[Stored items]
----

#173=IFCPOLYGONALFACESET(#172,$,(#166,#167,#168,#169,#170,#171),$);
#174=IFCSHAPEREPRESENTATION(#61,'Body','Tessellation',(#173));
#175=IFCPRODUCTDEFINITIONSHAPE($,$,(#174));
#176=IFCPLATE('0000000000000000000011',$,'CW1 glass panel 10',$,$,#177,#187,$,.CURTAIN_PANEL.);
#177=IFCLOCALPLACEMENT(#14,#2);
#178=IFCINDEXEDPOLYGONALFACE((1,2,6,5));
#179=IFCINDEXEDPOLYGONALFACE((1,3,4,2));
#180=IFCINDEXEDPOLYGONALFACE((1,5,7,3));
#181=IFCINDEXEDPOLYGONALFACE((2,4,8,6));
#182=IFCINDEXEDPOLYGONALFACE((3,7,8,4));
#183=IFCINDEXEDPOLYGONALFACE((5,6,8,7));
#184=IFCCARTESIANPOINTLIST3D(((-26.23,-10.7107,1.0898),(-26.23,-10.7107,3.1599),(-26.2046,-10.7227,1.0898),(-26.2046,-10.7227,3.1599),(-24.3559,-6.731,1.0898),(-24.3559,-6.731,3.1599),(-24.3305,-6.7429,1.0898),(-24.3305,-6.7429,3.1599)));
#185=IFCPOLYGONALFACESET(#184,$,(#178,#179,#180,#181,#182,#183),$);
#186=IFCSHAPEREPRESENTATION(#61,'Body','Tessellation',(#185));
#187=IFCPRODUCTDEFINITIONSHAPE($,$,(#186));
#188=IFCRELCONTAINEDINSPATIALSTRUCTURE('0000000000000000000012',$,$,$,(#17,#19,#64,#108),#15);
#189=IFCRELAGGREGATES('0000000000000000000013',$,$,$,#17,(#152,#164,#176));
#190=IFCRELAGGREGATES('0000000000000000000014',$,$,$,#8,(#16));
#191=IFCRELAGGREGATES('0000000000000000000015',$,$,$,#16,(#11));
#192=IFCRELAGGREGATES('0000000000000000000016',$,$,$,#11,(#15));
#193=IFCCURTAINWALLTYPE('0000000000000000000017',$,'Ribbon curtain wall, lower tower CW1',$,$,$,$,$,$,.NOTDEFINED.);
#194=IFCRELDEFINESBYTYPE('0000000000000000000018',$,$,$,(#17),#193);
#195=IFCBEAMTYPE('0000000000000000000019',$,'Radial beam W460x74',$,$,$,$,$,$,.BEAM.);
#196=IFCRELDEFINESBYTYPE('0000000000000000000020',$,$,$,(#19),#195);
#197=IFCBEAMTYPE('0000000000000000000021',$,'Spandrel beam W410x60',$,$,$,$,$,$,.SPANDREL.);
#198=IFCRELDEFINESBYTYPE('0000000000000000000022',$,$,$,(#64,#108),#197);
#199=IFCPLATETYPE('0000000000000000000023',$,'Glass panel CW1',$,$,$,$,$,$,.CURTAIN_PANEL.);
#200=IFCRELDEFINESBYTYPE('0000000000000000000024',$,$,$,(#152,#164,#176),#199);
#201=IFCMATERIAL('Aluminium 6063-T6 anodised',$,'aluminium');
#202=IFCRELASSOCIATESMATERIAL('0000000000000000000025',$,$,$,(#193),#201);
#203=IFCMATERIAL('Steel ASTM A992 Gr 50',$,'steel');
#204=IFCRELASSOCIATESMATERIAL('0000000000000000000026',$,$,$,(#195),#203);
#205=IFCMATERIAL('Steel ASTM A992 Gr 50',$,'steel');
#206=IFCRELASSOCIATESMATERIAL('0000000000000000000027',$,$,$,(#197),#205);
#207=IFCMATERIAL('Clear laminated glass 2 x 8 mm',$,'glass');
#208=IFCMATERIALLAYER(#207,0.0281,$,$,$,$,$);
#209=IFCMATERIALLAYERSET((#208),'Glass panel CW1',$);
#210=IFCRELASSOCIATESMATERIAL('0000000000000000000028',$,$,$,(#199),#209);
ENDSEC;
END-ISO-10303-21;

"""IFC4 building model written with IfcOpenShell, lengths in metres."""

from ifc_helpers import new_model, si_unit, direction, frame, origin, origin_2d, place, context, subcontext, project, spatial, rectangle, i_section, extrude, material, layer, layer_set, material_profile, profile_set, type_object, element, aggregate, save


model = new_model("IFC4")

----

● **What to do**
Starting from the first line of the records above, retype each line exactly up to and including the one that contains "lower tower CW1',$,$,$,$,$,$,.NOTDEFINED.);", and nothing more.

● **Task output**
#173=IFCPOLYGONALFACESET(#172,$,(#166,#167,#168,#169,#170,#171),$);
#174=IFCSHAPEREPRESENTATION(#61,'Body','Tessellation',(#173));
#175=IFCPRODUCTDEFINITIONSHAPE($,$,(#174));
#176=IFCPLATE('0000000000000000000011',$,'CW1 glass panel 10',$,$,#177,#187,$,.CURTAIN_PANEL.);
#177=IFCLOCALPLACEMENT(#14,#2);
#178=IFCINDEXEDPOLYGONALFACE((1,2,6,5));
#179=IFCINDEXEDPOLYGONALFACE((1,3,4,2));
#180=IFCINDEXEDPOLYGONALFACE((1,5,7,3));
#181=IFCINDEXEDPOLYGONALFACE((2,4,8,6));
#182=IFCINDEXEDPOLYGONALFACE((3,7,8,4));
#183=IFCINDEXEDPOLYGONALFACE((5,6,8,7));
#184=IFCCARTESIANPOINTLIST3D(((-26.23,-10.7107,1.0898),(-26.23,-10.7107,3.1599),(-26.2046,-10.7227,1.0898),(-26.2046,-10.7227,3.1599),(-24.3559,-6.731,1.0898),(-24.3559,-6.731,3.1599),(-24.3305,-6.7429,1.0898),(-24.3305,-6.7429,3.1599)));
#185=IFCPOLYGONALFACESET(#184,$,(#178,#179,#180,#181,#182,#183),$);
#186=IFCSHAPEREPRESENTATION(#61,'Body','Tessellation',(#185));
#187=IFCPRODUCTDEFINITIONSHAPE($,$,(#186));
#188=IFCRELCONTAINEDINSPATIALSTRUCTURE('0000000000000000000012',$,$,$,(#17,#19,#64,#108),#15);
#189=IFCRELAGGREGATES('0000000000000000000013',$,$,$,#17,(#152,#164,#176));
#190=IFCRELAGGREGATES('0000000000000000000014',$,$,$,#8,(#16));
#191=IFCRELAGGREGATES('0000000000000000000015',$,$,$,#16,(#11));
#192=IFCRELAGGREGATES('0000000000000000000016',$,$,$,#11,(#15));
#193=IFCCURTAINWALLTYPE('0000000000000000000017',$,'Ribbon curtain wall, lower tower CW1',$,$,$,$,$,$,.NOTDEFINED.);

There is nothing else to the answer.